Give the lines below again exactly, starting with the line that holds "#50=IFCINDEXEDPOLYGONALFACE((3,4,8,7));" and going on through the line that holds "#51=IFCINDEXEDPOLYGONALFACE((5,7,8,6));".

Stored data:
────

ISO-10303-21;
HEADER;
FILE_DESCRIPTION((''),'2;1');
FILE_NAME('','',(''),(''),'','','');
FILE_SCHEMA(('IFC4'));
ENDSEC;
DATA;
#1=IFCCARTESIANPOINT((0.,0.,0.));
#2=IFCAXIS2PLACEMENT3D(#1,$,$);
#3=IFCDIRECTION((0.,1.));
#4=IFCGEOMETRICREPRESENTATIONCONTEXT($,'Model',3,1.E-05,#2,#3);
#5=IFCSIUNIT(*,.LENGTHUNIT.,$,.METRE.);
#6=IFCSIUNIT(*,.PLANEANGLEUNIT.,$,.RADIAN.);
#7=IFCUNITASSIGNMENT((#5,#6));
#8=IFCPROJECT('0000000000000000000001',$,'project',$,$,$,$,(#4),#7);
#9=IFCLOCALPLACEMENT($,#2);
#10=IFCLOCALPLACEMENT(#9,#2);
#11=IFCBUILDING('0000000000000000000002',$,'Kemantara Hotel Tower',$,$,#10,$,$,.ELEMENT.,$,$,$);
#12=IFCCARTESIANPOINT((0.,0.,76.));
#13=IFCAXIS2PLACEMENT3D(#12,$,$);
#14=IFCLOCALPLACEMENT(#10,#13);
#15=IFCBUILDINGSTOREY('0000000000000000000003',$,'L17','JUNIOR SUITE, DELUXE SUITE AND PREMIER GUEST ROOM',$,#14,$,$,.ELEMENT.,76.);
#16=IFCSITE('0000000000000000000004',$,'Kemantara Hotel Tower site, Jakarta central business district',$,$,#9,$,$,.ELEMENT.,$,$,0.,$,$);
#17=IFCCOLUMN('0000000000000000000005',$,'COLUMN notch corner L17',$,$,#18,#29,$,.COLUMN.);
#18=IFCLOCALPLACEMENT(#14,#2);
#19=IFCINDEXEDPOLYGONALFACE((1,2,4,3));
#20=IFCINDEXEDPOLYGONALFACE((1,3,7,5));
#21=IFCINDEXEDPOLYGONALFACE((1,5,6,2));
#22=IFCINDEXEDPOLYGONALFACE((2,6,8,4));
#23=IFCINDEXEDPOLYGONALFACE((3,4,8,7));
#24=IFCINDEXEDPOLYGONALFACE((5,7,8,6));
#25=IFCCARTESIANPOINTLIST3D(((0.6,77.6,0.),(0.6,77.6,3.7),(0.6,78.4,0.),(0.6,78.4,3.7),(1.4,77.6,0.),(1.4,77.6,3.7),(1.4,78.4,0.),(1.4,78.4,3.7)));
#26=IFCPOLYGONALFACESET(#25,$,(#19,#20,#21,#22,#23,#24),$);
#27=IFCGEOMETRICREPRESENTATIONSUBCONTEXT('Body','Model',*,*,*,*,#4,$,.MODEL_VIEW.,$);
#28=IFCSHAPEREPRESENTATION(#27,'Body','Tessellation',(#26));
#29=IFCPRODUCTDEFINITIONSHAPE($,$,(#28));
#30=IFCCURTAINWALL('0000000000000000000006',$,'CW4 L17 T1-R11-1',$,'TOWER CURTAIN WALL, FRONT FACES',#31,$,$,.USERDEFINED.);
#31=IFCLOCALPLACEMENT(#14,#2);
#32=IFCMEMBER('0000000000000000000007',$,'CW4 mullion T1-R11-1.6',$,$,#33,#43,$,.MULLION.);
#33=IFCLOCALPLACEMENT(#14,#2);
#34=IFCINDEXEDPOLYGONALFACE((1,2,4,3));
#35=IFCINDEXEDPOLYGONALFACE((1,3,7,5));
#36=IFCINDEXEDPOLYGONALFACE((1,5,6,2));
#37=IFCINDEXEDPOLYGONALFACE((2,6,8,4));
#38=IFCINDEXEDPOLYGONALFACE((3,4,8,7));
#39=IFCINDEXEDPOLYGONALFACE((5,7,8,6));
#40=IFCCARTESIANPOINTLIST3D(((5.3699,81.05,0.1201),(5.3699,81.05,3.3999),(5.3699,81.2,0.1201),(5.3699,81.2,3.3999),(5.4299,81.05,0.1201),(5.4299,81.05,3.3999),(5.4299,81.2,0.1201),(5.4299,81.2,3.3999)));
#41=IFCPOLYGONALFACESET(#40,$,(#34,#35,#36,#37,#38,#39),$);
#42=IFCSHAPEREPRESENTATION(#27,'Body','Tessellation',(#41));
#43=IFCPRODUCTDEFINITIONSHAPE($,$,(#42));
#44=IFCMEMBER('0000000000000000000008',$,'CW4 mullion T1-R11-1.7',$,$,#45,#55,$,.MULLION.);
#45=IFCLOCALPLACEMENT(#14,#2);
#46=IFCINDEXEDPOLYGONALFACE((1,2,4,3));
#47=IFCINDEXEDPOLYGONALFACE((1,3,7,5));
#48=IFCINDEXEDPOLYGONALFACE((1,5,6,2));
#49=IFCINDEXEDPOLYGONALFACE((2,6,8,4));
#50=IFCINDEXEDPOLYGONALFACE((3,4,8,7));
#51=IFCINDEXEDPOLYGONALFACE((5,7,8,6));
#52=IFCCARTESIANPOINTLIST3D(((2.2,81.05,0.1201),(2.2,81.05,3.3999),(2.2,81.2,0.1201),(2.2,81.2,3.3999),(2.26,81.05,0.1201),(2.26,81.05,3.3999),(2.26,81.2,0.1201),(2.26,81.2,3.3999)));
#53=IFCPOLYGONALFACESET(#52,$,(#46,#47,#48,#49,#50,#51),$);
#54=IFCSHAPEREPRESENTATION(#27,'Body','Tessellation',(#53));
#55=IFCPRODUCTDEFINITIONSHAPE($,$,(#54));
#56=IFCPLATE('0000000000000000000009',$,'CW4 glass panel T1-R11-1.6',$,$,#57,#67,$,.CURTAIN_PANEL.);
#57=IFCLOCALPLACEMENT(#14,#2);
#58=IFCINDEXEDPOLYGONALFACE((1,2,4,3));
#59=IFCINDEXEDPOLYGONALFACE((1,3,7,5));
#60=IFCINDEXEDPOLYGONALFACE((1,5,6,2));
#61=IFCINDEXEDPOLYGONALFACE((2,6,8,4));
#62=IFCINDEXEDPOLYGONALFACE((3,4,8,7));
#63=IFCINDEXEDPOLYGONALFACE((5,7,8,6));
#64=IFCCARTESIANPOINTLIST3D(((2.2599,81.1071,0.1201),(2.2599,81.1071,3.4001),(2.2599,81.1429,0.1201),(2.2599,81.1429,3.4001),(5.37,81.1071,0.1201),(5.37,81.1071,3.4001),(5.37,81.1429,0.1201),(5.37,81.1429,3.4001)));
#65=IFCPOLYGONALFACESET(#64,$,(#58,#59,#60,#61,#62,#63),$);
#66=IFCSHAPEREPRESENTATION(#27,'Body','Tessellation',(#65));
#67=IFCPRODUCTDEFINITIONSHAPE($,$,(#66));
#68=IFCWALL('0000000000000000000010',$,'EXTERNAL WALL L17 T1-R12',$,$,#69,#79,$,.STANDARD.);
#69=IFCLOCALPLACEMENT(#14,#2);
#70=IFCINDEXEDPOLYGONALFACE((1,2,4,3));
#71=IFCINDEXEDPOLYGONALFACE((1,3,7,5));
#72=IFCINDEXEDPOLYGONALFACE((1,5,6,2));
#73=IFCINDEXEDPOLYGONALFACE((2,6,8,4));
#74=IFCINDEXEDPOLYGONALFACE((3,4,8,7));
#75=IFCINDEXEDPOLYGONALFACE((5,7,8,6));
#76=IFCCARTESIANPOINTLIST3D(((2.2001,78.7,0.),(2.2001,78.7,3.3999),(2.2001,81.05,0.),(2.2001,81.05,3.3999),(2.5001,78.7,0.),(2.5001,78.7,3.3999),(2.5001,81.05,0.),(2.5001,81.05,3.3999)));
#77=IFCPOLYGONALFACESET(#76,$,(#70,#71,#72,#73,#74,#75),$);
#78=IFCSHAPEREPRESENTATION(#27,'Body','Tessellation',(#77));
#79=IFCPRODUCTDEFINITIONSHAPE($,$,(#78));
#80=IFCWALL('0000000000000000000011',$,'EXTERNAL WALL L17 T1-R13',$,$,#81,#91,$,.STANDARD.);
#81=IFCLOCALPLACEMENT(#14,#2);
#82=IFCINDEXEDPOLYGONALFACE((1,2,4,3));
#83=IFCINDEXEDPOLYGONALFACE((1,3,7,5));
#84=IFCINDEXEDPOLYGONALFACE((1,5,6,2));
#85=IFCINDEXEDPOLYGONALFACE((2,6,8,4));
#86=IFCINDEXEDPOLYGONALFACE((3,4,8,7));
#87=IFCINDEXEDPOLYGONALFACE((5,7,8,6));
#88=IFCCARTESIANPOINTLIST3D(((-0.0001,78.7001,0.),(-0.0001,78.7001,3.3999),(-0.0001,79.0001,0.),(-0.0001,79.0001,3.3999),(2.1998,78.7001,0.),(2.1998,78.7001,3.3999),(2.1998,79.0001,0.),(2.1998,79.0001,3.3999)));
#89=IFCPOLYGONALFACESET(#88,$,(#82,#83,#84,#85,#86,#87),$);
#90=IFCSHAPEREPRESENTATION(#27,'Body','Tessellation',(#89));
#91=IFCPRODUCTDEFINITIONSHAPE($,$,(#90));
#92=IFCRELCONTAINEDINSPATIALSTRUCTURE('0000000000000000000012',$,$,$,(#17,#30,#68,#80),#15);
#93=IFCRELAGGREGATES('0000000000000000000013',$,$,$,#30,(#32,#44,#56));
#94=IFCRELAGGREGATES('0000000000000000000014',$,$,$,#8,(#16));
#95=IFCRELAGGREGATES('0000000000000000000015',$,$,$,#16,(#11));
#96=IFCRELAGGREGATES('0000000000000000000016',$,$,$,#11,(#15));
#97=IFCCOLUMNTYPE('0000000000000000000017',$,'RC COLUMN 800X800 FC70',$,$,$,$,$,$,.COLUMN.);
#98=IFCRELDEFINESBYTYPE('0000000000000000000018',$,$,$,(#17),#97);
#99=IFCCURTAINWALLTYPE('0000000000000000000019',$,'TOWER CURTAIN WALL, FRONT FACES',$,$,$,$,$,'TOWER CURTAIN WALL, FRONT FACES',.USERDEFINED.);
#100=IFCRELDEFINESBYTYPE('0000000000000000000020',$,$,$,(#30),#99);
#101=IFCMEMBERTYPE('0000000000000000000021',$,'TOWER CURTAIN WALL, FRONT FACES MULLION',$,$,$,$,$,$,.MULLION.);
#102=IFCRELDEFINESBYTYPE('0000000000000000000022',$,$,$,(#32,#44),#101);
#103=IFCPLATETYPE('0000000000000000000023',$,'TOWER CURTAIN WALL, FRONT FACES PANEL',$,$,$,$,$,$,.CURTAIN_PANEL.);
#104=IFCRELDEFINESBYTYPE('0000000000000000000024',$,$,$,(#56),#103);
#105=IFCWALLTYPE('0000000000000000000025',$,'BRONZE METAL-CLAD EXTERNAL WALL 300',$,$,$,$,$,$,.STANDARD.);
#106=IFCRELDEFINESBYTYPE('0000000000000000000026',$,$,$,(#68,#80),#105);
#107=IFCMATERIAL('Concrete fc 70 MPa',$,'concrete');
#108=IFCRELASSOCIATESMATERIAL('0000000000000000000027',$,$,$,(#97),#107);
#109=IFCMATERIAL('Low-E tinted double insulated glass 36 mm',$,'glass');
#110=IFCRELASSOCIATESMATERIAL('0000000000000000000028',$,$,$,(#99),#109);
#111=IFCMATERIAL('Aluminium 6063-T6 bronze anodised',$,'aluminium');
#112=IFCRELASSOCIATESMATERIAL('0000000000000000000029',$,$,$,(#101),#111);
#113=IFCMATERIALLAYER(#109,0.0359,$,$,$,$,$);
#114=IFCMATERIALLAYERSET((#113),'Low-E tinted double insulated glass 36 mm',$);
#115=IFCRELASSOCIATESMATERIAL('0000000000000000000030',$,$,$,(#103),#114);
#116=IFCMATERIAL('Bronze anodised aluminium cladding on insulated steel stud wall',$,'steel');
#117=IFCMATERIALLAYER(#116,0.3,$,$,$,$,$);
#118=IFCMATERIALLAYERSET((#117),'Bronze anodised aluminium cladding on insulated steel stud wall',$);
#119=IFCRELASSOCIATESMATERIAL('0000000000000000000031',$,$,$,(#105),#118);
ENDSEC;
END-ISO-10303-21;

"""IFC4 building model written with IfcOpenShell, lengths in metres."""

from ifc_helpers import new_model, si_unit, direction, frame, frame_2d, origin, origin_2d, place, context, subcontext, project, spatial, rectangle, extrude, source, transform, mapped, material, layer, layer_set, material_profile, profile_set, type_object, element, aggregate, save


model = new_model("IFC4")

# Units and contexts
model_context = context("Model", 3, precision=1e-05, world=origin(), true_north=direction((0.0, 1.0)))
body_context = subcontext(model_context, "Body", "Model", "MODEL_VIEW")
ifc_project = project(units=[si_unit("LENGTHUNIT", "METRE"), si_unit("PLANEANGLEUNIT", "RADIAN")], contexts=[model_context])

# Site, building, storey
site_placement = place(None, origin())
site = spatial("IfcSite", under=ifc_project, at=site_placement, Name="Kemantara Hotel Tower site, Jakarta central business district", CompositionType="ELEMENT", RefElevation=0.0)
building_placement = place(site_placement, origin())
building = spatial("IfcBuilding", under=site, at=building_placement, Name="Kemantara Hotel Tower", CompositionType="ELEMENT")
storey_placement = place(building_placement, frame((0.0, 0.0, 76.0)))
storey = spatial("IfcBuildingStorey", under=building, at=storey_placement, Name="L17", Description="JUNIOR SUITE, DELUXE SUITE AND PREMIER GUEST ROOM", CompositionType="ELEMENT", Elevation=76.0)

# Column
ifc_material_1 = material(Name="Concrete fc 70 MPa", Category="concrete")
ifc_material_profile_1 = material_profile(ifc_material_1, rectangle(XDim=0.8, YDim=0.8, at=origin_2d()), Name="RC 800X800")
ifc_profile_set_1 = profile_set([ifc_material_profile_1], Name="Concrete fc 70 MPa")
column_type = type_object("IfcColumnType", Name="RC COLUMN 800X800 FC70", PredefinedType="COLUMN", material=ifc_profile_set_1)
column_placement = place(storey_placement, frame((1.0, 78.0, 0.0), z_axis=(0.0, 0.0, 1.0), x_axis=(1.0, 0.0, 0.0)))
element("IfcColumn", 1, at=column_placement, inside=storey, type_object=column_type, Name="COLUMN notch corner L17", PredefinedType="COLUMN", context=body_context, shape_type="SweptSolid", body=[
    extrude(rectangle(XDim=0.8, YDim=0.8, at=origin_2d()), origin(), (0.0, 0.0, 1.0), 3.7),
])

────

### Result below
#50=IFCINDEXEDPOLYGONALFACE((3,4,8,7));
#51=IFCINDEXEDPOLYGONALFACE((5,7,8,6));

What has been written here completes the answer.